■ Supplied data
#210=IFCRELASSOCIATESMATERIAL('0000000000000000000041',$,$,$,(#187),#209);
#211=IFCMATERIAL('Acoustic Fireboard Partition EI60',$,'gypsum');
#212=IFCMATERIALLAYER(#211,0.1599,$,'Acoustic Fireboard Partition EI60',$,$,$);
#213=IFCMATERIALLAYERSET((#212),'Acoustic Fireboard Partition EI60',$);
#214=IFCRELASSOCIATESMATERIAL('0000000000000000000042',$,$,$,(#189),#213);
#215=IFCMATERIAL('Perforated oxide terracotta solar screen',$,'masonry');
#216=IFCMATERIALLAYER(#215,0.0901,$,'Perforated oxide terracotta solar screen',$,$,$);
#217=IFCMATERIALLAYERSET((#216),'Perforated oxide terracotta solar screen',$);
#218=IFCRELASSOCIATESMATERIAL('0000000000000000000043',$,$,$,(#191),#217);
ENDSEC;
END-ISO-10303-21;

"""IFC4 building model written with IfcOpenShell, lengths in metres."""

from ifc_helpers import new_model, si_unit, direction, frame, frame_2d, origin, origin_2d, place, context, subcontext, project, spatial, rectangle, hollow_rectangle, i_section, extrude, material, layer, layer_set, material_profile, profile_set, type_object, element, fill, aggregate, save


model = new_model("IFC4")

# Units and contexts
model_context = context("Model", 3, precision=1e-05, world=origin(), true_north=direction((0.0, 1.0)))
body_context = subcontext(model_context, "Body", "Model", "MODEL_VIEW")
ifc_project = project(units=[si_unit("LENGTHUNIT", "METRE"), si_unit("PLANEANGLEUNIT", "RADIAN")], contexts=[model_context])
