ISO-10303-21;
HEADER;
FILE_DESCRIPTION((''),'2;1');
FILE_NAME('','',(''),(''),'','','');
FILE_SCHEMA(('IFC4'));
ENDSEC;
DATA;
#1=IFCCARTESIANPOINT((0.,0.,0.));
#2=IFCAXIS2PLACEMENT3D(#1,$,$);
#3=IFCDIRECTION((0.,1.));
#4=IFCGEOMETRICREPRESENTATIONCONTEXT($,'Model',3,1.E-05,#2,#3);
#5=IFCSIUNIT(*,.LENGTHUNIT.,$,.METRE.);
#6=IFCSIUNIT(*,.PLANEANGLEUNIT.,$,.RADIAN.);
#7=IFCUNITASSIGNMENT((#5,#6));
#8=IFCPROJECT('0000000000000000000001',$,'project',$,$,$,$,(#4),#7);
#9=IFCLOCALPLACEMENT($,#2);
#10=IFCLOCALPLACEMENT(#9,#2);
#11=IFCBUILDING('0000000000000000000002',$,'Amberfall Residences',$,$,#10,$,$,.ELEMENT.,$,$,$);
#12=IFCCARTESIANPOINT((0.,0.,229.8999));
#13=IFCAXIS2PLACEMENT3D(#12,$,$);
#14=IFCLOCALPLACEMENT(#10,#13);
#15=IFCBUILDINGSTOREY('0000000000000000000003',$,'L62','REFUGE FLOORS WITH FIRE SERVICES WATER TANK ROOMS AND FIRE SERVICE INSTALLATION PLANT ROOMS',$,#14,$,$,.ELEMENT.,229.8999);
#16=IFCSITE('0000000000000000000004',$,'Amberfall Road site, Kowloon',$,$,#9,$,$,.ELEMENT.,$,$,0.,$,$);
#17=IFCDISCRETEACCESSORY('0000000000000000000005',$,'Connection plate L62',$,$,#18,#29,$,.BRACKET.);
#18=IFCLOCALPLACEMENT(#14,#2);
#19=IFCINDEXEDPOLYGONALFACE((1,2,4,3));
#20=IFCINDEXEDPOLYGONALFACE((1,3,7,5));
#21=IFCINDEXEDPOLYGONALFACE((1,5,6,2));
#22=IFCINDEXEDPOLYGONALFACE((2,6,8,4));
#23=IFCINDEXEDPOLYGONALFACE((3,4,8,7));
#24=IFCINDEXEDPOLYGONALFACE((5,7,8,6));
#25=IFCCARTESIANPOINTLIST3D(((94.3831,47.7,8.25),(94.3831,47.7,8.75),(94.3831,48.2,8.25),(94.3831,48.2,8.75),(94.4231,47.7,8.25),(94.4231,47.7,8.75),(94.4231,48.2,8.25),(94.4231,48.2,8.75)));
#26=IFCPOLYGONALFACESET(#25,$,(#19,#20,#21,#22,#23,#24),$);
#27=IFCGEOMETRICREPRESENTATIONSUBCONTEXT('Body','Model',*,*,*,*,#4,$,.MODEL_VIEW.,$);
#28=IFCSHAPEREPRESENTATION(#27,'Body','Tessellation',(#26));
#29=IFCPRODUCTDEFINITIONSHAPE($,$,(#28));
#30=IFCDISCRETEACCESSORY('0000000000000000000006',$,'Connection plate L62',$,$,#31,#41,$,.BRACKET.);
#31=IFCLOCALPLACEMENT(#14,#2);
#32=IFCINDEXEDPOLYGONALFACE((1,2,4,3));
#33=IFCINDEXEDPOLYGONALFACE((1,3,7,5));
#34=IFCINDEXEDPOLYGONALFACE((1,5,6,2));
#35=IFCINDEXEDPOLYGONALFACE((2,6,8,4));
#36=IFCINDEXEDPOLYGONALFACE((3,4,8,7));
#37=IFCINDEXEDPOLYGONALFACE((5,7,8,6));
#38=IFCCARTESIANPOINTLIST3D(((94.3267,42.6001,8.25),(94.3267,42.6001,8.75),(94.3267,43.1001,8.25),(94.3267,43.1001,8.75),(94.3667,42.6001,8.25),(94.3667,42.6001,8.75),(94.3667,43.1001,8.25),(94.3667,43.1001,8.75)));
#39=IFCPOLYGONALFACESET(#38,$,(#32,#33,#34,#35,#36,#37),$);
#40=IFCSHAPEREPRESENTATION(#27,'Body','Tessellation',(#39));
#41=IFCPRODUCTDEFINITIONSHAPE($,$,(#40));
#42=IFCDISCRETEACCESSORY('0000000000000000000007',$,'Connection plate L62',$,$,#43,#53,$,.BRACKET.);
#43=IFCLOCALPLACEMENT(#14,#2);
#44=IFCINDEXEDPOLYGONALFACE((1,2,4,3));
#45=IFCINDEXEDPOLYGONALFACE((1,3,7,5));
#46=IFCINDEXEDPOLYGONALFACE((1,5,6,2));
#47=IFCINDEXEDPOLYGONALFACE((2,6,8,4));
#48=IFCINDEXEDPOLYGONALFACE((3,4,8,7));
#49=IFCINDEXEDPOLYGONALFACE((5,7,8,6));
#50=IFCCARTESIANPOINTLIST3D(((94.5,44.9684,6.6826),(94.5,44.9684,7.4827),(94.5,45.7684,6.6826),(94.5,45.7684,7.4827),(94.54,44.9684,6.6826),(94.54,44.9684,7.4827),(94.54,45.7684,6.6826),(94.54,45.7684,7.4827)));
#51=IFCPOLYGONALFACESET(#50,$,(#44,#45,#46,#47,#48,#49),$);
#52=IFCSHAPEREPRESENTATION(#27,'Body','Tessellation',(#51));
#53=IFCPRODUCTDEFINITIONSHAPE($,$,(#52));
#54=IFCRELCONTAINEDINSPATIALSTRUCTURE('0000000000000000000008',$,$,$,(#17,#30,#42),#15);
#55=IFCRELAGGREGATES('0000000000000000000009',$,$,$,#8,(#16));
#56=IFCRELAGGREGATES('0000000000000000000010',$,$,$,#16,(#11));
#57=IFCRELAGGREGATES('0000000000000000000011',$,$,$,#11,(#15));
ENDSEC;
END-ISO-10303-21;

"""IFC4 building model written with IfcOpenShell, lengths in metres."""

from ifc_helpers import new_model, si_unit, direction, frame, origin, origin_2d, place, context, subcontext, project, spatial, rectangle, extrude, element, save


model = new_model("IFC4")

# Units and contexts
model_context = context("Model", 3, precision=1e-05, world=origin(), true_north=direction((0.0, 1.0)))
body_context = subcontext(model_context, "Body", "Model", "MODEL_VIEW")
ifc_project = project(units=[si_unit("LENGTHUNIT", "METRE"), si_unit("PLANEANGLEUNIT", "RADIAN")], contexts=[model_context])

# Site, building, storey
site_placement = place(None, origin())
site = spatial("IfcSite", under=ifc_project, at=site_placement, Name="Amberfall Road site, Kowloon", CompositionType="ELEMENT", RefElevation=0.0)
building_placement = place(site_placement, origin())
building = spatial("IfcBuilding", under=site, at=building_placement, Name="Amberfall Residences", CompositionType="ELEMENT")
storey_placement = place(building_placement, frame((0.0, 0.0, 229.8999)))
storey = spatial("IfcBuildingStorey", under=building, at=storey_placement, Name="L62", Description="REFUGE FLOORS WITH FIRE SERVICES WATER TANK ROOMS AND FIRE SERVICE INSTALLATION PLANT ROOMS", CompositionType="ELEMENT", Elevation=229.8999)

# Discrete accessories
for number, where, z_axis, x_axis, name in (
    (1, (94.4031, 47.95, 8.25), (0.0, 0.0, 1.0), (0.0, 1.0, 0.0), "Connection plate L62"),
    (2, (94.3467, 42.8501, 8.25), (0.0, 0.0, 1.0), (0.0, 1.0, 0.0), "Connection plate L62"),
):
    element("IfcDiscreteAccessory", number, at=place(storey_placement, frame(where, z_axis=z_axis, x_axis=x_axis)), inside=storey, Name=name, PredefinedType="BRACKET", context=body_context, shape_type="SweptSolid", body=[
        extrude(rectangle(XDim=0.5, YDim=0.04, at=origin_2d()), origin(), (0.0, 0.0, 1.0), 0.5),
    ])
discrete_accessory_1_placement = place(storey_placement, frame((94.52, 45.3684, 6.6826), z_axis=(0.0, 0.0, 1.0), x_axis=(0.0, 1.0, 0.0)))
element("IfcDiscreteAccessory", 3, at=discrete_accessory_1_placement, inside=storey, Name="Connection plate L62", PredefinedType="BRACKET", context=body_context, shape_type="SweptSolid", body=[
    extrude(rectangle(XDim=0.8, YDim=0.04, at=origin_2d()), origin(), (0.0, 0.0, 1.0), 0.8),
])

save(model, "model.ifc")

■ What you are asked to do
What lines of the material above contain "IFCRELASSOCIATESMATERIAL"? Return each of them.

■ Response area
#210=IFCRELASSOCIATESMATERIAL('0000000000000000000041',$,$,$,(#187),#209);
#214=IFCRELASSOCIATESMATERIAL('0000000000000000000042',$,$,$,(#189),#213);
#218=IFCRELASSOCIATESMATERIAL('0000000000000000000043',$,$,$,(#191),#217);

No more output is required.